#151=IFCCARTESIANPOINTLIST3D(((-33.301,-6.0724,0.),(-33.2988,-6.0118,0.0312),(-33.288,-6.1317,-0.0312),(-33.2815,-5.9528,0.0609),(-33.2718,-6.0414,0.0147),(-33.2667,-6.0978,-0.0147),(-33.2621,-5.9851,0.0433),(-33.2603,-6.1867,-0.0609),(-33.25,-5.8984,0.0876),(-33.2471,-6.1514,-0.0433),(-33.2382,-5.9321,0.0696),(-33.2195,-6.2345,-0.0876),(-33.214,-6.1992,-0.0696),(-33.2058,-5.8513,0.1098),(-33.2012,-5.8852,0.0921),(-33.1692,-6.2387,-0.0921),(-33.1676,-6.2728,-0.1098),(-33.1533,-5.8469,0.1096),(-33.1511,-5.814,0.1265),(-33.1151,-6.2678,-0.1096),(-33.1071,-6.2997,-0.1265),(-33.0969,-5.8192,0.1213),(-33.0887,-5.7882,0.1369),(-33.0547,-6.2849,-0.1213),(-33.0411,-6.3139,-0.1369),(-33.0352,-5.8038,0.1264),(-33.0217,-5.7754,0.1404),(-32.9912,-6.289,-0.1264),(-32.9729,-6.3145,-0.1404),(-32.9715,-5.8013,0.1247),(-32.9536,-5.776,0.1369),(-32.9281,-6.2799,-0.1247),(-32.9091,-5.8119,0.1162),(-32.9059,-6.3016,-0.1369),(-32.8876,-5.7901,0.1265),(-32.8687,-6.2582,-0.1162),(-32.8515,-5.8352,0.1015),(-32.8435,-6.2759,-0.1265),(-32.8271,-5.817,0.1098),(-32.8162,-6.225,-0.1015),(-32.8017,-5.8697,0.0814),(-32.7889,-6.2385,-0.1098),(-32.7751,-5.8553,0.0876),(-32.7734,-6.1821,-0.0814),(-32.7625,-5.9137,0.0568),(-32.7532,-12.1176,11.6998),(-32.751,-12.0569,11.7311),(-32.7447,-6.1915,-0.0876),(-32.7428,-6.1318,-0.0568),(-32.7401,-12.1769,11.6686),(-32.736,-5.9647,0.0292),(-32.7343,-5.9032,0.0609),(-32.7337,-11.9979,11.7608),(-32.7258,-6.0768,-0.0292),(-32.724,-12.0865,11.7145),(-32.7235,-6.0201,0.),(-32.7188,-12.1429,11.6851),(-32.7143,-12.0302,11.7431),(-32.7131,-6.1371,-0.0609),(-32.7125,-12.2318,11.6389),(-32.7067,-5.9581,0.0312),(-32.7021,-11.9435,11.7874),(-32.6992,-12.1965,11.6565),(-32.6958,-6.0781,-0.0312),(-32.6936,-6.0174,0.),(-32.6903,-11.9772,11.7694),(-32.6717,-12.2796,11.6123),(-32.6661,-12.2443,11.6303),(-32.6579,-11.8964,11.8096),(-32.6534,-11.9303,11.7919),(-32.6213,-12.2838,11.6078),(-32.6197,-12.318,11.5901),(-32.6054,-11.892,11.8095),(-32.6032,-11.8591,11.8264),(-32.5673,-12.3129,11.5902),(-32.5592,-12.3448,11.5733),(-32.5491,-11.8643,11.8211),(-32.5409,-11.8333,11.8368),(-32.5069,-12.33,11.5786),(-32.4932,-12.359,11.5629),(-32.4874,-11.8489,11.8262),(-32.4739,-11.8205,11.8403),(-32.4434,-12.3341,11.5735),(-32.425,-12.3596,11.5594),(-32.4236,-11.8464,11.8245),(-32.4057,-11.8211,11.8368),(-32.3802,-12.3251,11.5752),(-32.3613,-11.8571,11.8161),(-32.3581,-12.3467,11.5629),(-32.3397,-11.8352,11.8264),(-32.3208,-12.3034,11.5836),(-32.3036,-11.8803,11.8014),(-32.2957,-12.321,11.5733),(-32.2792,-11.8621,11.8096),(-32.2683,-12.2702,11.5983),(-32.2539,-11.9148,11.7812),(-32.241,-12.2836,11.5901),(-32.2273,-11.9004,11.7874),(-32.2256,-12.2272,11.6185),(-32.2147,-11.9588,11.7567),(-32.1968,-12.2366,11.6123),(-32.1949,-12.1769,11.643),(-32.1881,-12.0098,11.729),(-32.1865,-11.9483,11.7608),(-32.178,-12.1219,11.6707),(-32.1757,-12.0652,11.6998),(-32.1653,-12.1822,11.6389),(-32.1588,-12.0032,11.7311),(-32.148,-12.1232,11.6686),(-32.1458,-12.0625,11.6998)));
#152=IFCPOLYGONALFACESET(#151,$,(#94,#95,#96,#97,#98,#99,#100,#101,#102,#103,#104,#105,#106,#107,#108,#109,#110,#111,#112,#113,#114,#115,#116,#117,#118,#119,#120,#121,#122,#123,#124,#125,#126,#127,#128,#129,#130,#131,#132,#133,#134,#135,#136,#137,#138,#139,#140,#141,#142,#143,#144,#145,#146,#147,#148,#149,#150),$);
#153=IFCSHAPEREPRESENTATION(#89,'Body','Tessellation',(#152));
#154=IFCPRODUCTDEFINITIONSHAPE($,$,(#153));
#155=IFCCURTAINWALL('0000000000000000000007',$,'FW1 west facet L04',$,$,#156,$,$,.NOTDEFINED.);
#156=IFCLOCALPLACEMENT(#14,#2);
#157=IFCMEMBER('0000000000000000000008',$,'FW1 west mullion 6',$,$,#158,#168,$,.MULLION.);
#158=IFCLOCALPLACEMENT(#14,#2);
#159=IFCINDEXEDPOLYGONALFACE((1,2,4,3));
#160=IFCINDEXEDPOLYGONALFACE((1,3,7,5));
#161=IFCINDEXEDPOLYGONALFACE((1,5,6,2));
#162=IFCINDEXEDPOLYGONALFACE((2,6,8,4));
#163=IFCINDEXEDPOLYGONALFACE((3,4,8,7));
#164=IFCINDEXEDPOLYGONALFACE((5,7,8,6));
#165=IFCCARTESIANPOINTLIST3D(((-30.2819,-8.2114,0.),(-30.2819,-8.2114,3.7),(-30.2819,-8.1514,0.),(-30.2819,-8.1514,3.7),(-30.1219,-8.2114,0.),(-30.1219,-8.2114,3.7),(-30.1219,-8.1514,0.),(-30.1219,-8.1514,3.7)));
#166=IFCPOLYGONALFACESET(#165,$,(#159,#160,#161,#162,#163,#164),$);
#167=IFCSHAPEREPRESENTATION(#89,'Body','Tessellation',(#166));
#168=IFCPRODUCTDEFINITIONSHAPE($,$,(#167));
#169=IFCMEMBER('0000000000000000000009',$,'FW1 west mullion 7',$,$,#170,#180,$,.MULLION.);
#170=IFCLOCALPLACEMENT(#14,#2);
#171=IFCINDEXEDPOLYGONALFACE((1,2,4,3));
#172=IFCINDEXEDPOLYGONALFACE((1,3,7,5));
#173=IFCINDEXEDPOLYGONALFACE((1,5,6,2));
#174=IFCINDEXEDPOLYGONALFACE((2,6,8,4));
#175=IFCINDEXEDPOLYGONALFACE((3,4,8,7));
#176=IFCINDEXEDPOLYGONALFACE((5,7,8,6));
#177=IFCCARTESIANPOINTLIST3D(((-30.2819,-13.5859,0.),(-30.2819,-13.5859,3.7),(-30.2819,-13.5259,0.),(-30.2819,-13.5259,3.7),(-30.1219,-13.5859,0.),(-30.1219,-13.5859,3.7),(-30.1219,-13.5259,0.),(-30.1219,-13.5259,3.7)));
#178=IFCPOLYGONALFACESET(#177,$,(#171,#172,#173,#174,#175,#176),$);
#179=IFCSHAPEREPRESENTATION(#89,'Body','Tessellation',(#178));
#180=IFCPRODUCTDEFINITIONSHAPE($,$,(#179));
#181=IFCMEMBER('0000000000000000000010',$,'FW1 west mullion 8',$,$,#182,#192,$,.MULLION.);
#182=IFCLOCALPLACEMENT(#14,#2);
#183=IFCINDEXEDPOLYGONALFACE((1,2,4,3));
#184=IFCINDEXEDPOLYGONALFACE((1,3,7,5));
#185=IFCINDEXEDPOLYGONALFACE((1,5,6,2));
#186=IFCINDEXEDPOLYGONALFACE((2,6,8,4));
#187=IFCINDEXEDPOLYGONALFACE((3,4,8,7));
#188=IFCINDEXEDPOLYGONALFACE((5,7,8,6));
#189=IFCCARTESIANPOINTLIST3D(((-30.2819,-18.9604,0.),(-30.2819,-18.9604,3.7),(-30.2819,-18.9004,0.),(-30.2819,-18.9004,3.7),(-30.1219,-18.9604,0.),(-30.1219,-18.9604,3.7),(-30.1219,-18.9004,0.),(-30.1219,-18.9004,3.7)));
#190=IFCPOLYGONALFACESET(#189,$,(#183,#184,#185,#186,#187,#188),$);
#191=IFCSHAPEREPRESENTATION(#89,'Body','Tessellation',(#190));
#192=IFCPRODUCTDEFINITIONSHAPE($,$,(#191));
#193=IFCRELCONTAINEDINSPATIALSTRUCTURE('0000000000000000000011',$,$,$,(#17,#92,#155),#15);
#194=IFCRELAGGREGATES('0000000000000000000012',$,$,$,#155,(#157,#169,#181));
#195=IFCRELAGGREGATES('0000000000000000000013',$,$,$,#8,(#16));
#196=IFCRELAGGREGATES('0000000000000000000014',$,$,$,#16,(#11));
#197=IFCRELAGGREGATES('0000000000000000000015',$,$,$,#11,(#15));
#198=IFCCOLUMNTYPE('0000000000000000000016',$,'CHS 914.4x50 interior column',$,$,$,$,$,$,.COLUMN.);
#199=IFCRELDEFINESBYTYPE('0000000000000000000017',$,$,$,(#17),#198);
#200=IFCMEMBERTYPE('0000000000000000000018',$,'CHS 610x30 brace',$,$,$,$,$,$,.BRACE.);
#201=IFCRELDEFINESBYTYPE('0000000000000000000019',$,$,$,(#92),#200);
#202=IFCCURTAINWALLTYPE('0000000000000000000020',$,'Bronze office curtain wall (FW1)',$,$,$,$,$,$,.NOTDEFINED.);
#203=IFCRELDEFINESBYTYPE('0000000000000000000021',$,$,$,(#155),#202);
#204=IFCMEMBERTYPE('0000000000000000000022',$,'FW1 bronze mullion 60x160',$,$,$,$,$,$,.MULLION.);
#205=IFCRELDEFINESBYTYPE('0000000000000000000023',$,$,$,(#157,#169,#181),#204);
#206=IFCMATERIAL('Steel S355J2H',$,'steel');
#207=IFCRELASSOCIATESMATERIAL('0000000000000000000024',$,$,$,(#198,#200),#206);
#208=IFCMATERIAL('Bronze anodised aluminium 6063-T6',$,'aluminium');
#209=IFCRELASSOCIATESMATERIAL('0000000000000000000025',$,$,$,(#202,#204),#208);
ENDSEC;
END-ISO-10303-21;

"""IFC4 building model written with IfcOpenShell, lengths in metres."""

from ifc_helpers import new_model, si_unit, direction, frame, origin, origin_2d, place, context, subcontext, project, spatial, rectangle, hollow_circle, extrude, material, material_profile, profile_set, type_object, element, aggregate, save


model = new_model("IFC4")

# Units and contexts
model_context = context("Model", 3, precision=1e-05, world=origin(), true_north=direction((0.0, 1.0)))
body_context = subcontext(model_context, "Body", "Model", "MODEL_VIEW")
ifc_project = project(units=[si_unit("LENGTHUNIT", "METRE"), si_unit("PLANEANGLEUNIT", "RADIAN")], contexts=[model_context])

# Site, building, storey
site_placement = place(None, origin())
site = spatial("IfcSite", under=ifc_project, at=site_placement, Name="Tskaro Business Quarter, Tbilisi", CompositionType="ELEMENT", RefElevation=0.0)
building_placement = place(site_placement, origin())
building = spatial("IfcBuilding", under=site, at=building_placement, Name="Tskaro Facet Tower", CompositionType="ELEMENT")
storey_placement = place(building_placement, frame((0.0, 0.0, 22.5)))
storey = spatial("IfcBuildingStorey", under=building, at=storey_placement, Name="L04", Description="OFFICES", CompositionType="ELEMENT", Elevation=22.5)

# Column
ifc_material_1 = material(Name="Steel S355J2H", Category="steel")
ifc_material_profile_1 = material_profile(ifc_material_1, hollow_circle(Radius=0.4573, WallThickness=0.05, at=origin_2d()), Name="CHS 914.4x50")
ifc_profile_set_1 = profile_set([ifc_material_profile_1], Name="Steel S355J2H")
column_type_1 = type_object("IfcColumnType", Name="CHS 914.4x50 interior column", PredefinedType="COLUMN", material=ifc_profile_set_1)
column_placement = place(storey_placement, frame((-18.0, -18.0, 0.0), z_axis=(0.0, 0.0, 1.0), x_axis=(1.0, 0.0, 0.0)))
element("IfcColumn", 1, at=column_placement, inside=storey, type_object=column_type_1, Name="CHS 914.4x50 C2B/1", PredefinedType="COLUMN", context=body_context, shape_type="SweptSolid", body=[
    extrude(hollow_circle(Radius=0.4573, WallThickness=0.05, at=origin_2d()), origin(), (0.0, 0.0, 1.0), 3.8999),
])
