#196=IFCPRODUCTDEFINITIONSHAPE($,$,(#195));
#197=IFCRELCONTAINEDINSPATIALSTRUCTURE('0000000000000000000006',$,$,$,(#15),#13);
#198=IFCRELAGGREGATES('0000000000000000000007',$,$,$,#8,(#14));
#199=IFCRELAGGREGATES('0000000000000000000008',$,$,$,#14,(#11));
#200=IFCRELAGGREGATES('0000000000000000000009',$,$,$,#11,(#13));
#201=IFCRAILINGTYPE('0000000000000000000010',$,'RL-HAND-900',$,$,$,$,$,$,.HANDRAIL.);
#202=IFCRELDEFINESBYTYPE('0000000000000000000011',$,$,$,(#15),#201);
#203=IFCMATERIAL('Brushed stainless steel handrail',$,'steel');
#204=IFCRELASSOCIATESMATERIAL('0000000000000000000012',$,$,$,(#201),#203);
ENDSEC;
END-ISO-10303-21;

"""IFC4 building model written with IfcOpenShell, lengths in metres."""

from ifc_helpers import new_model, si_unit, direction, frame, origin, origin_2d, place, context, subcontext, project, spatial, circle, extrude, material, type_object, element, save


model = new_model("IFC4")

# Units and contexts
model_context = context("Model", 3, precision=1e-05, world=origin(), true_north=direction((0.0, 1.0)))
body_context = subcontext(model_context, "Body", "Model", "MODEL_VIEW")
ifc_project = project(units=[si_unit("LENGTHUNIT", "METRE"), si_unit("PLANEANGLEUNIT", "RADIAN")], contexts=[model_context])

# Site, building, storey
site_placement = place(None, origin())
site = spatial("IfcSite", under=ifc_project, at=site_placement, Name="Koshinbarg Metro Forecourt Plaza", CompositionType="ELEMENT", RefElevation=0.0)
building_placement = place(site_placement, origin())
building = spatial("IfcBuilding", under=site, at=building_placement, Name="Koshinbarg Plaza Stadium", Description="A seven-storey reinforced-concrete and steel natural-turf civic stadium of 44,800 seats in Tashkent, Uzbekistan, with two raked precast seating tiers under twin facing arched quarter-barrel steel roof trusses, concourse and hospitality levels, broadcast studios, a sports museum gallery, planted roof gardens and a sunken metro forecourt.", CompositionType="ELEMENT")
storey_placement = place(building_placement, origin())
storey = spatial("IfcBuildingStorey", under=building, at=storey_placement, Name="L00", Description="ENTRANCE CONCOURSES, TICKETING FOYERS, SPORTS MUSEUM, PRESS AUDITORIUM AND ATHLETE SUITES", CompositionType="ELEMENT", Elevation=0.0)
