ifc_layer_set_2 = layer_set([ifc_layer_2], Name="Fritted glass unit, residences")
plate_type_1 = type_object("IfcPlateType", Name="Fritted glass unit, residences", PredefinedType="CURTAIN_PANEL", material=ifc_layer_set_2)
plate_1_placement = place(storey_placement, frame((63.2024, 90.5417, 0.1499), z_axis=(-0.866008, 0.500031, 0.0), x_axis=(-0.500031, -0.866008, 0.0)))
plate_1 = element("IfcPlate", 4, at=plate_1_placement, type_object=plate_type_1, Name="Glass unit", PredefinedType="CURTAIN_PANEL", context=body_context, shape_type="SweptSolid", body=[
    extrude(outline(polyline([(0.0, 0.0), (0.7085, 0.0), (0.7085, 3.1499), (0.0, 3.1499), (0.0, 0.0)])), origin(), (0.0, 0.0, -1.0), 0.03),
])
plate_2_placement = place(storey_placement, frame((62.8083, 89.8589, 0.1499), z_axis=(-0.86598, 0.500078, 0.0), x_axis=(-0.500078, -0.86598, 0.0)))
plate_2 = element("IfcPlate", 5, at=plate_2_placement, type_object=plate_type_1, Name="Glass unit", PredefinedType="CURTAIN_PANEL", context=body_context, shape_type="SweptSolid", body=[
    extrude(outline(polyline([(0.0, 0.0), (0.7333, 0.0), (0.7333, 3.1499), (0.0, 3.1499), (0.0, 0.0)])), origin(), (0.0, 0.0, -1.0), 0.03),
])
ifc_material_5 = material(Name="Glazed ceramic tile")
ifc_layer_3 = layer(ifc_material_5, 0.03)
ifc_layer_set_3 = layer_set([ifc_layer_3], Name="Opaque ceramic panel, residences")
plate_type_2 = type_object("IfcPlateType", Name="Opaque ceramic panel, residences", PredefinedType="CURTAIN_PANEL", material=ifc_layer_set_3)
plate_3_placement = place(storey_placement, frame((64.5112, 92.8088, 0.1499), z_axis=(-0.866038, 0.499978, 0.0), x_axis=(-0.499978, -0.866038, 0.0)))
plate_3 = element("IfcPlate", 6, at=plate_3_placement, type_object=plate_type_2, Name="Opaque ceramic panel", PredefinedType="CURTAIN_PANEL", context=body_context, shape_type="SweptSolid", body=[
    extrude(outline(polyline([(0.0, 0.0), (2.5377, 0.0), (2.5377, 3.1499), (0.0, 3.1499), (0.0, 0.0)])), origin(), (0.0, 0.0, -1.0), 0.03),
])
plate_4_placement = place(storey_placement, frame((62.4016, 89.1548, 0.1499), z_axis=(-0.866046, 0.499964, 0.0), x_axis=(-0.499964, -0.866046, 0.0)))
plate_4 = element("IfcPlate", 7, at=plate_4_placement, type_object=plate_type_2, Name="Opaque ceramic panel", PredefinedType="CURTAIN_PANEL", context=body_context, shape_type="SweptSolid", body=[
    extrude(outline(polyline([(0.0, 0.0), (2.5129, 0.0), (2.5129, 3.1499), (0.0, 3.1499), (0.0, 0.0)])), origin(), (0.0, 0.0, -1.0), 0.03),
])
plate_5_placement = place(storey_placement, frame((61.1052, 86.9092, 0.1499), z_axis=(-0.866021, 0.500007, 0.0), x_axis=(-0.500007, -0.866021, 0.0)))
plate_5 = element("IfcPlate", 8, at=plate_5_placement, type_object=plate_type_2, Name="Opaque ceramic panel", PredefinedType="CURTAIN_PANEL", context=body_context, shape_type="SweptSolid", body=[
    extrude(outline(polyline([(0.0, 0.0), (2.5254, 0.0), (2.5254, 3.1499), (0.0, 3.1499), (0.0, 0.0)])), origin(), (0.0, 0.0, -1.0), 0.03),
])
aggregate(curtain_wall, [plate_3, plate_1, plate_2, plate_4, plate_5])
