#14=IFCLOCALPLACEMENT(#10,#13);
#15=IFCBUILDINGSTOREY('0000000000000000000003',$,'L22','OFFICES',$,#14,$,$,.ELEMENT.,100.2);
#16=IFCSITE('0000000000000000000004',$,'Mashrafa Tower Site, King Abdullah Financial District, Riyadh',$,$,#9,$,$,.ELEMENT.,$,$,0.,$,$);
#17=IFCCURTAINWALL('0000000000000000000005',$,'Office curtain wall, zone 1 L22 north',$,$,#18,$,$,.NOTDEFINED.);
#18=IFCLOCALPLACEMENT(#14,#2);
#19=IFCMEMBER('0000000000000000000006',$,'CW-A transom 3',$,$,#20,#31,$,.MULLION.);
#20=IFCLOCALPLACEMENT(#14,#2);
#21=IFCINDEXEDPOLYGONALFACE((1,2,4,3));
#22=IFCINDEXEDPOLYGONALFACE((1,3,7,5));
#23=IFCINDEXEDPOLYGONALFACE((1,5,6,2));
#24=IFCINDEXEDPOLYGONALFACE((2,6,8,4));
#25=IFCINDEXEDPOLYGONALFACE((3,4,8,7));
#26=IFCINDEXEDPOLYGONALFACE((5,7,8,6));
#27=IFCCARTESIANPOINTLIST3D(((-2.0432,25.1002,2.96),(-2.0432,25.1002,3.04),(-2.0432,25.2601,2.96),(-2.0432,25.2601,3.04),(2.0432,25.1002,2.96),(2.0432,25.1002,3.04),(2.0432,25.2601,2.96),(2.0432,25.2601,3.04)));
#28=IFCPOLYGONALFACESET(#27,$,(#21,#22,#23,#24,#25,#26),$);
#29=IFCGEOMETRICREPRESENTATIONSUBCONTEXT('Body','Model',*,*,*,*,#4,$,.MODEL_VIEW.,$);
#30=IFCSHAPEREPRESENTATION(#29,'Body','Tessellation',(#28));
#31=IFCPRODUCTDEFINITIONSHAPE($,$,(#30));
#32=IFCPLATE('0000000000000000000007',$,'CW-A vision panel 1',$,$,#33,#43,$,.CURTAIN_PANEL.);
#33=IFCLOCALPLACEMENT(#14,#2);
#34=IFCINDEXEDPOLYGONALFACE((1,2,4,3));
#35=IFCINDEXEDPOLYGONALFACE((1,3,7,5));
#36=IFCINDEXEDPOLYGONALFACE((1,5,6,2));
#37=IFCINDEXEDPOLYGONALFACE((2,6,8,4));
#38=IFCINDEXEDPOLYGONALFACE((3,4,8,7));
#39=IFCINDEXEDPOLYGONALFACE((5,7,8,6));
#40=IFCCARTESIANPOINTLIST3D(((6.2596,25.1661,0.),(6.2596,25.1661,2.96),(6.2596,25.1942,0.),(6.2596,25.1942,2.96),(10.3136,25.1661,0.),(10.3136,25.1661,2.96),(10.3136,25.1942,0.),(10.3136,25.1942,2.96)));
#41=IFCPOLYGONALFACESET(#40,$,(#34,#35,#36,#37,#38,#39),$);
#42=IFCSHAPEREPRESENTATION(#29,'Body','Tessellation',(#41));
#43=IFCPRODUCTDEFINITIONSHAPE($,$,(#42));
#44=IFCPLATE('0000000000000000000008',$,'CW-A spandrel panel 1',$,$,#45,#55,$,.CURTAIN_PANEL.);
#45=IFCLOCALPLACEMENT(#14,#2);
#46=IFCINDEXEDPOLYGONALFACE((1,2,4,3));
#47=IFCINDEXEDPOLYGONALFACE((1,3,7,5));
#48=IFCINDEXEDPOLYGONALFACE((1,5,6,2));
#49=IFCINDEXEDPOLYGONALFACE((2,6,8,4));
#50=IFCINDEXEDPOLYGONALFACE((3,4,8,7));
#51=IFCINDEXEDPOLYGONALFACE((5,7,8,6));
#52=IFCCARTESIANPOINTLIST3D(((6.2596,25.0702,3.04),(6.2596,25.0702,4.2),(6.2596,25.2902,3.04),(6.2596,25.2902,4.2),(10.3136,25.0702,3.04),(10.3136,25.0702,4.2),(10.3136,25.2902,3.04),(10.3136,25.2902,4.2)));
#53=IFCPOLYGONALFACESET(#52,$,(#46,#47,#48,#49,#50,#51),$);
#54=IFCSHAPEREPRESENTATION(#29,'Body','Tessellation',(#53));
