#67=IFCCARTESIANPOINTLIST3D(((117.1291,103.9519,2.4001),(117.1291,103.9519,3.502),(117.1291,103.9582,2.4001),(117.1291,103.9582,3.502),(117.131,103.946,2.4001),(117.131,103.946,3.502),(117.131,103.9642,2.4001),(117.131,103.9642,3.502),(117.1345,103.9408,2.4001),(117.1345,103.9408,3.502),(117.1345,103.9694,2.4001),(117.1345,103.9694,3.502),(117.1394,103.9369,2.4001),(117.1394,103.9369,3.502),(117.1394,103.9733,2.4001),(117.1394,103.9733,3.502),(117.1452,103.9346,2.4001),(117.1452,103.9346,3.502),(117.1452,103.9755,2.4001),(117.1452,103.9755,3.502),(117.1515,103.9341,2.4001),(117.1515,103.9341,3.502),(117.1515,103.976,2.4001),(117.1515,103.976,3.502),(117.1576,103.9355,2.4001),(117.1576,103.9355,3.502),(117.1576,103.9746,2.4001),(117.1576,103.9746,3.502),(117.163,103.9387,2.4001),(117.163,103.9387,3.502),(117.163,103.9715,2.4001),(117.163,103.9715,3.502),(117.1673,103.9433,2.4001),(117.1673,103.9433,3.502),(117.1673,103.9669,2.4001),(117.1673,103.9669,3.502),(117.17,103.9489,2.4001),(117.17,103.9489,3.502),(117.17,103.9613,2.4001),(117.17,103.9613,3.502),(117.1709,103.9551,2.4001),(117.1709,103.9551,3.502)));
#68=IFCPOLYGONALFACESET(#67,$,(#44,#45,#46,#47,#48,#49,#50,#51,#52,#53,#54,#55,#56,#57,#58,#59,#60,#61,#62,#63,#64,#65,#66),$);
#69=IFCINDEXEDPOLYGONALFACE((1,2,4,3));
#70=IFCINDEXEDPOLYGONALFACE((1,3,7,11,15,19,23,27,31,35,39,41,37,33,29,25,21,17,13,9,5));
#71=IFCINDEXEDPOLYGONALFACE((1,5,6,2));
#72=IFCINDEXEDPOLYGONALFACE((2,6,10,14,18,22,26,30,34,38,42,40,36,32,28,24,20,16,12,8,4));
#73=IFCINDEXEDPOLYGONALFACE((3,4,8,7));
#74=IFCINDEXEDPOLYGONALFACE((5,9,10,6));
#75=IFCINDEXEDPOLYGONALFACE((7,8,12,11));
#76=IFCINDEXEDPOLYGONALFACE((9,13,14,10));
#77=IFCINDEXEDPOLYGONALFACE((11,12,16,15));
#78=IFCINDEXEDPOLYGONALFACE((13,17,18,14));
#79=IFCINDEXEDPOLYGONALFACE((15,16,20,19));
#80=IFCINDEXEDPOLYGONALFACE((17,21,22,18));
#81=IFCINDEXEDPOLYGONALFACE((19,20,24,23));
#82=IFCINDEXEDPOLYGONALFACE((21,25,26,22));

⁂

• [THE TASK] All lines in the listing above from the line containing "#163=IFCINDEXEDPOLYGONALFACE((3,4,8,7));" to the line containing "#168=IFCPRODUCTDEFINITIONSHAPE($,$,(#167));", inclusive, should be retyped exactly; no other lines should appear.

• [COMPLETED TASK]
#163=IFCINDEXEDPOLYGONALFACE((3,4,8,7));
#164=IFCINDEXEDPOLYGONALFACE((5,7,8,6));
#165=IFCCARTESIANPOINTLIST3D(((-30.2819,-8.2114,0.),(-30.2819,-8.2114,3.7),(-30.2819,-8.1514,0.),(-30.2819,-8.1514,3.7),(-30.1219,-8.2114,0.),(-30.1219,-8.2114,3.7),(-30.1219,-8.1514,0.),(-30.1219,-8.1514,3.7)));
#166=IFCPOLYGONALFACESET(#165,$,(#159,#160,#161,#162,#163,#164),$);
#167=IFCSHAPEREPRESENTATION(#89,'Body','Tessellation',(#166));
#168=IFCPRODUCTDEFINITIONSHAPE($,$,(#167));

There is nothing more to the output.